Data for processing:
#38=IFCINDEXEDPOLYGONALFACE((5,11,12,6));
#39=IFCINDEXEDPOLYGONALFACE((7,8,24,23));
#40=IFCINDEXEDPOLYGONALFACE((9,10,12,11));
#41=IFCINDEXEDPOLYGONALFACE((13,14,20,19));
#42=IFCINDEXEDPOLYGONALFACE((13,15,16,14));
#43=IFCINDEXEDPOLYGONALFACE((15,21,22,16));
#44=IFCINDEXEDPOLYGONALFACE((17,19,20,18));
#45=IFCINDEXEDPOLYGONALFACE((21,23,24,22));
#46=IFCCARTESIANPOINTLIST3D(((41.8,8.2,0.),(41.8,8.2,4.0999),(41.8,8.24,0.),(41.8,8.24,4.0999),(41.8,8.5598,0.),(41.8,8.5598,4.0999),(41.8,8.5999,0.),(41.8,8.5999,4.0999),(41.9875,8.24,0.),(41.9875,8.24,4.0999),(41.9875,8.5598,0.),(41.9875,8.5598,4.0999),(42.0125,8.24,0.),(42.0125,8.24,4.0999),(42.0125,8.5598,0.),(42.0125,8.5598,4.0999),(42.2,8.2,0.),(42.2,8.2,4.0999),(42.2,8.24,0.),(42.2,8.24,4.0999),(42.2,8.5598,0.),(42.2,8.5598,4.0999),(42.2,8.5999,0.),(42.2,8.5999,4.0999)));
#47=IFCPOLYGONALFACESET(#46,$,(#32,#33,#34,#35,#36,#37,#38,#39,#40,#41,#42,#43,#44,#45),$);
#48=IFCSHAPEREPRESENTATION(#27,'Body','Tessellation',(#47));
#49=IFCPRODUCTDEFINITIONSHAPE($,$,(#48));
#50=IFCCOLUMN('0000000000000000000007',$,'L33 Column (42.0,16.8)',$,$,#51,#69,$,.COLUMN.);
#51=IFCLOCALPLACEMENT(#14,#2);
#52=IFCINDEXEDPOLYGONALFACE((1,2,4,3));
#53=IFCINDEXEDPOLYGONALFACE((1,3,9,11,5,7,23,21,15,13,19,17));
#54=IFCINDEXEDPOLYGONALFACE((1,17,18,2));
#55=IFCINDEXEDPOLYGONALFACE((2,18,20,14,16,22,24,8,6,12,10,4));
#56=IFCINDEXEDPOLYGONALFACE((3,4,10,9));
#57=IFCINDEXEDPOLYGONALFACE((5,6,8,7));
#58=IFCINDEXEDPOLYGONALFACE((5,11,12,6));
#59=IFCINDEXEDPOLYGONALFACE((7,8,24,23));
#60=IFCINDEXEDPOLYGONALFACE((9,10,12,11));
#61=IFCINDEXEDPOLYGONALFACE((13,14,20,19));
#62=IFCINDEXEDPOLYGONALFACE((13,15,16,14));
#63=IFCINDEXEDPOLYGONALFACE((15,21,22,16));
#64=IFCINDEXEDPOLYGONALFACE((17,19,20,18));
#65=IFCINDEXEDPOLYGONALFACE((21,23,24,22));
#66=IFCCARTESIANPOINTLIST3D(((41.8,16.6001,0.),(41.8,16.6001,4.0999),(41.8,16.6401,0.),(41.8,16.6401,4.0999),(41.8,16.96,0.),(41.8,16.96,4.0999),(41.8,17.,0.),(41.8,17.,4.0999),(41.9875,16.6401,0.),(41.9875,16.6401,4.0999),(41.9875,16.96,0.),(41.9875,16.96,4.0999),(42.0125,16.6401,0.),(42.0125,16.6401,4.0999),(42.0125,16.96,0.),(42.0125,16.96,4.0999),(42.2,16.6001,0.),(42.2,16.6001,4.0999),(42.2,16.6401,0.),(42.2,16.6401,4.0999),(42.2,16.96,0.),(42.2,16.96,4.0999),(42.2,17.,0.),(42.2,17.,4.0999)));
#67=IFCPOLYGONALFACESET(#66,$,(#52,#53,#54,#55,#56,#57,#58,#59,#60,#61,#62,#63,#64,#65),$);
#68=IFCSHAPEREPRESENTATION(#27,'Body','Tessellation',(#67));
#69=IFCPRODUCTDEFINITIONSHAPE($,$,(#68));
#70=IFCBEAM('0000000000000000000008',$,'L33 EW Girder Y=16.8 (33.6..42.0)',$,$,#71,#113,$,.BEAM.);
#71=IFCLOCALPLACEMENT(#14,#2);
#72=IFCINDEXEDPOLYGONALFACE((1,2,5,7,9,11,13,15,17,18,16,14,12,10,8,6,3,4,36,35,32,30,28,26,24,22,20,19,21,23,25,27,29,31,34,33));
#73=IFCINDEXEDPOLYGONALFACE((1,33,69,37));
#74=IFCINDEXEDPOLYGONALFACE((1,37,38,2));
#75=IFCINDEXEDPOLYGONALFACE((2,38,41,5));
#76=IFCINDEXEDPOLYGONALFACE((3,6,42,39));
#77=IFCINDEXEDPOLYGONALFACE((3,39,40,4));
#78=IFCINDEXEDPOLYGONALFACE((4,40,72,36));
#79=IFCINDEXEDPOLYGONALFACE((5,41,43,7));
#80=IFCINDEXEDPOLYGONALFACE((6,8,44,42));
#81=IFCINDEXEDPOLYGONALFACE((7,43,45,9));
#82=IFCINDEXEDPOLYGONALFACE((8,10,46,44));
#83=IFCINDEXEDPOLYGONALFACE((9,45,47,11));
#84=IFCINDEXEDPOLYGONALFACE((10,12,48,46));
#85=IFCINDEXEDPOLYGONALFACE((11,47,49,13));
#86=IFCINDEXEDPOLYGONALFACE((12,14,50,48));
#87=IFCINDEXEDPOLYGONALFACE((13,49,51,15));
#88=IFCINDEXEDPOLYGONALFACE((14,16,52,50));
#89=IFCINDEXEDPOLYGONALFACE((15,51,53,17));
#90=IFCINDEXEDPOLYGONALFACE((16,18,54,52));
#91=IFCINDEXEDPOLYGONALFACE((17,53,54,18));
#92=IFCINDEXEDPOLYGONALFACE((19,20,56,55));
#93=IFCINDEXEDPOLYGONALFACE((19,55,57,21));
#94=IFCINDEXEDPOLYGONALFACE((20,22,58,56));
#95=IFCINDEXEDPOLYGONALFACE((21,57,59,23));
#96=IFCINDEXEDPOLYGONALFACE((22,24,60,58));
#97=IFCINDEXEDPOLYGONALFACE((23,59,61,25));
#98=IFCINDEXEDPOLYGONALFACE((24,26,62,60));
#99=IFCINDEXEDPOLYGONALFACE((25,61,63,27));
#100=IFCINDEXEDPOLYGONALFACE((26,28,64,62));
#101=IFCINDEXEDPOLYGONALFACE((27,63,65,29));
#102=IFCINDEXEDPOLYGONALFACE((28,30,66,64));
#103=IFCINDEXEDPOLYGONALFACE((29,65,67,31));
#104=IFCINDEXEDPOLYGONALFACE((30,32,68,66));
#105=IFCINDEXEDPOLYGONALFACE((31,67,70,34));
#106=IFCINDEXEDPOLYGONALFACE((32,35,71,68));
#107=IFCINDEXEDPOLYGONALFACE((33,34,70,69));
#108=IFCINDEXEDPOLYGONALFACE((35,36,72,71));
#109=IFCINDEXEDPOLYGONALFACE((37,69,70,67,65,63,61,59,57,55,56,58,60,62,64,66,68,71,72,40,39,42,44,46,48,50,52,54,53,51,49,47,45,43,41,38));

About this exercise: For every line above that includes the word "IFCSHAPEREPRESENTATION", return the line.

Task answer:
#48=IFCSHAPEREPRESENTATION(#27,'Body','Tessellation',(#47));
#68=IFCSHAPEREPRESENTATION(#27,'Body','Tessellation',(#67));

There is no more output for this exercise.